_Given data_
◆ ◆ ◆ ◆

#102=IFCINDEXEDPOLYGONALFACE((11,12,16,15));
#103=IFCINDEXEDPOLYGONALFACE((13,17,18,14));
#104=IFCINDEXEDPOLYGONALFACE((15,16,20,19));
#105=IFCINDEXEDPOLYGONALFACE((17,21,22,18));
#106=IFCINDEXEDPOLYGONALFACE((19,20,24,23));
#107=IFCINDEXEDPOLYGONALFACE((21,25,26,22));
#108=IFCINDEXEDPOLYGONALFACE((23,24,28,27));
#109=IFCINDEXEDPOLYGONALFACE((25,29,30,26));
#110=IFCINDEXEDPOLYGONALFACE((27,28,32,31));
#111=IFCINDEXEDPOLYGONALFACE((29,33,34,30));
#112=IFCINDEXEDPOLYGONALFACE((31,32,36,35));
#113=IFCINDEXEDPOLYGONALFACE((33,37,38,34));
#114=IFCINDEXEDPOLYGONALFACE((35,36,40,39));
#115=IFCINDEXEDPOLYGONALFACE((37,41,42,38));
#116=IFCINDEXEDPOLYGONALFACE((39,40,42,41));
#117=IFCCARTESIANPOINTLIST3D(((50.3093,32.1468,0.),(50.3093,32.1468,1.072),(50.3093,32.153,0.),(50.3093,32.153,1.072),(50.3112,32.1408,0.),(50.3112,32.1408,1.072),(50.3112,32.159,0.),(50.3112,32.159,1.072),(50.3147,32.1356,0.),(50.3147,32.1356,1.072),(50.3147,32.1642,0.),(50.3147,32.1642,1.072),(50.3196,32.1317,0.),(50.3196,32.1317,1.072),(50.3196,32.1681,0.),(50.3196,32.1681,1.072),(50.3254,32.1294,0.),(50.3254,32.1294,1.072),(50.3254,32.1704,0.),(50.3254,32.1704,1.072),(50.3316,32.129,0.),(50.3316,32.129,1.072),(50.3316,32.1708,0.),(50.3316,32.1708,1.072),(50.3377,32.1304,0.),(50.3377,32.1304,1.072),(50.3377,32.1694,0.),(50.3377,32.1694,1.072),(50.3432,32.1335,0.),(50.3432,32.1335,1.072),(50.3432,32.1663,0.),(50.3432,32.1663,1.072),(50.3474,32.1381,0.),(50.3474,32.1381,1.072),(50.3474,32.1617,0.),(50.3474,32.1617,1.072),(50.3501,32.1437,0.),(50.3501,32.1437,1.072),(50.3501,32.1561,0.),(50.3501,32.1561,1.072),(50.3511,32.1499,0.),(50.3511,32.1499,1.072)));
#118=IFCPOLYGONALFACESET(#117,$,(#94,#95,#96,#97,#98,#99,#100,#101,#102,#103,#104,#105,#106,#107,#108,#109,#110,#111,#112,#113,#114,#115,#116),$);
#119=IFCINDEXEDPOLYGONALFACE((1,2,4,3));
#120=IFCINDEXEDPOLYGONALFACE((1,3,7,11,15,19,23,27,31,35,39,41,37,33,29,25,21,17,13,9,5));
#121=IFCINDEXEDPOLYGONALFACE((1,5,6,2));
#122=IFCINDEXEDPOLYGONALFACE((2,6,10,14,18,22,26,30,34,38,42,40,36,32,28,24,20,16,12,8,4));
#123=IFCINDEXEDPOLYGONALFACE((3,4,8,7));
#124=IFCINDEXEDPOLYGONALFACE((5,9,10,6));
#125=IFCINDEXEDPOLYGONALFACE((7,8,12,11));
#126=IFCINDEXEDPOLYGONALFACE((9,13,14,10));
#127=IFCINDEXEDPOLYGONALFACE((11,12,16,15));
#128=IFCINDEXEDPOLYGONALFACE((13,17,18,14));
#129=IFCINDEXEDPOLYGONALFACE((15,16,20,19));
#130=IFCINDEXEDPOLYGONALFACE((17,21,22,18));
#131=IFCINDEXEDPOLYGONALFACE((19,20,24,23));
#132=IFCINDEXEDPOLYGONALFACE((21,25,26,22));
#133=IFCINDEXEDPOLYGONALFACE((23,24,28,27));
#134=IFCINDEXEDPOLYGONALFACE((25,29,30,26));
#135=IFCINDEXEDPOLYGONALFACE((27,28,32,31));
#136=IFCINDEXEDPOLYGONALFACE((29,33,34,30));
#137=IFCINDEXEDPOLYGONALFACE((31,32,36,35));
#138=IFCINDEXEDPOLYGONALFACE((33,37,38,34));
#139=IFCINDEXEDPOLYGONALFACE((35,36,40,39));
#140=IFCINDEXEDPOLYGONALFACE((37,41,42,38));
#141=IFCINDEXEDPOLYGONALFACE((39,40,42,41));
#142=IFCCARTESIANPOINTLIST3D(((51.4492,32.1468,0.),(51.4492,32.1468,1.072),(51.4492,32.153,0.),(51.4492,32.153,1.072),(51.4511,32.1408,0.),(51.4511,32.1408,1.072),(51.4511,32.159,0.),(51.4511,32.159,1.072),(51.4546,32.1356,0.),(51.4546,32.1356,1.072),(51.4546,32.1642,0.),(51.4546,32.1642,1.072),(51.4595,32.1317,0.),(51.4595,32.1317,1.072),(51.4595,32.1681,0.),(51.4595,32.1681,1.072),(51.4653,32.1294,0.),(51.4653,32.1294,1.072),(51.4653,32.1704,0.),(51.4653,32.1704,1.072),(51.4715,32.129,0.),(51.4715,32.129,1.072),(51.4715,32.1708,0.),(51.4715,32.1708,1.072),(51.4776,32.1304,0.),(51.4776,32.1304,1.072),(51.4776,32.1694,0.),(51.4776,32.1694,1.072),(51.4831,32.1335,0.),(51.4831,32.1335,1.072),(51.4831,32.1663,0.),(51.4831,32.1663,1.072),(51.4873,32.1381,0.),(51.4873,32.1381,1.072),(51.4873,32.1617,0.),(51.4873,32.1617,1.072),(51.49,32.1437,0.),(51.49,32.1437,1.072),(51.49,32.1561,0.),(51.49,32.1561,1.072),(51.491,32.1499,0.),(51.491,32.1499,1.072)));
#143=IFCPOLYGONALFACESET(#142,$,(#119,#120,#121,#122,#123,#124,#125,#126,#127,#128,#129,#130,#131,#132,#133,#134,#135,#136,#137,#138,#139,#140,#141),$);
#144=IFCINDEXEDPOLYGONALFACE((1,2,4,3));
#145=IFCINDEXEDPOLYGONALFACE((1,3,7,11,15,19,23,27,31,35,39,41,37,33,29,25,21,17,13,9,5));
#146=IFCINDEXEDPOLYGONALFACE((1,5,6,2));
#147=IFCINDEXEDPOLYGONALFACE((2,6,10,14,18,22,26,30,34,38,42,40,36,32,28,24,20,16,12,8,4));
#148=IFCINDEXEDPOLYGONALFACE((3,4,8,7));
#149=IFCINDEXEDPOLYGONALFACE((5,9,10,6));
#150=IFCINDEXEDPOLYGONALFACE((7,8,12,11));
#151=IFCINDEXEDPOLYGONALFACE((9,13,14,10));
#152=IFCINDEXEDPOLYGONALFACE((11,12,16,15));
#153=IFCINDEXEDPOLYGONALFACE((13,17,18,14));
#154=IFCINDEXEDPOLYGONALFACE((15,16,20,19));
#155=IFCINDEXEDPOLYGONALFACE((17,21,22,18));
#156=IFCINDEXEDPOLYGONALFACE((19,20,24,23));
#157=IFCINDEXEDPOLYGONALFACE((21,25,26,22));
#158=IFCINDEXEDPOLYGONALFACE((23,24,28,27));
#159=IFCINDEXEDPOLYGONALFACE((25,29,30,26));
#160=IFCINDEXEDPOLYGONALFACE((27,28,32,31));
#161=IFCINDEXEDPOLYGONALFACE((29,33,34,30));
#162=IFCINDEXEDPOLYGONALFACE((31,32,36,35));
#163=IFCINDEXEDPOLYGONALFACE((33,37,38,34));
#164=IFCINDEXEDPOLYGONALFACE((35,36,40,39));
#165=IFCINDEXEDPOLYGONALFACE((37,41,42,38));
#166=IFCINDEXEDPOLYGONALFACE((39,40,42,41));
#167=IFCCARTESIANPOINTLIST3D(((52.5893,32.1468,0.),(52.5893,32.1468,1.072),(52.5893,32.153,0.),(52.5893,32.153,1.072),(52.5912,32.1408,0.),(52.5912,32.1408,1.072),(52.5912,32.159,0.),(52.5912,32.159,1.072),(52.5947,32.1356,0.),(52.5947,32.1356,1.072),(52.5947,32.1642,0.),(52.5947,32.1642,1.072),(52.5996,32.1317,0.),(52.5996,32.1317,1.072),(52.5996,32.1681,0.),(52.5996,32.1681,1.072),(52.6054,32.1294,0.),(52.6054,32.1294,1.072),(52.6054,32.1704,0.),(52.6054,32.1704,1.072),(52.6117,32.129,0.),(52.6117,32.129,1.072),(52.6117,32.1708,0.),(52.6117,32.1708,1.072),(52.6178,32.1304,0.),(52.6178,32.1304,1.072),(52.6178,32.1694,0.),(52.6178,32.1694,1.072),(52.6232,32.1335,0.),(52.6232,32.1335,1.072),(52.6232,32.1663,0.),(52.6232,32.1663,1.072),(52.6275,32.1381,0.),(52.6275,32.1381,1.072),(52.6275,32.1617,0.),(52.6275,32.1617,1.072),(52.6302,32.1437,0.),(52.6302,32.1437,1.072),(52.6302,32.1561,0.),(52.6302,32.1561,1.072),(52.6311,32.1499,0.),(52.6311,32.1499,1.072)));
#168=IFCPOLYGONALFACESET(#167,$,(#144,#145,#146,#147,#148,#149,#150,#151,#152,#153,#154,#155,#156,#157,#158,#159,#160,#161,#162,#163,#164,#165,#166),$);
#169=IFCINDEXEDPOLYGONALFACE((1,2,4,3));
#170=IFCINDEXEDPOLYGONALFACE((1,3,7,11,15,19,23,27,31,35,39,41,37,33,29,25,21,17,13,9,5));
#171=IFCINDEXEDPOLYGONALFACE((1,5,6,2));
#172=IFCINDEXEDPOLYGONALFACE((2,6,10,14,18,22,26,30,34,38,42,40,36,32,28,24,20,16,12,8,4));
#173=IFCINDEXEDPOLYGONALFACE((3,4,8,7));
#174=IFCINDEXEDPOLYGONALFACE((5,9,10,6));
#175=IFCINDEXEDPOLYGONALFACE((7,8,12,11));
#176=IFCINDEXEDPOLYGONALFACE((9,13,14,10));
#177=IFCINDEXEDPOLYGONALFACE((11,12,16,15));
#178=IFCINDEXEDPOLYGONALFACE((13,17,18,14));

◆ ◆ ◆ ◆

_Required action_
Every line above with the word "IFCPOLYGONALFACESET" belongs in the answer, copied as written.

_Response to the task_
#118=IFCPOLYGONALFACESET(#117,$,(#94,#95,#96,#97,#98,#99,#100,#101,#102,#103,#104,#105,#106,#107,#108,#109,#110,#111,#112,#113,#114,#115,#116),$);
#143=IFCPOLYGONALFACESET(#142,$,(#119,#120,#121,#122,#123,#124,#125,#126,#127,#128,#129,#130,#131,#132,#133,#134,#135,#136,#137,#138,#139,#140,#141),$);
#168=IFCPOLYGONALFACESET(#167,$,(#144,#145,#146,#147,#148,#149,#150,#151,#152,#153,#154,#155,#156,#157,#158,#159,#160,#161,#162,#163,#164,#165,#166),$);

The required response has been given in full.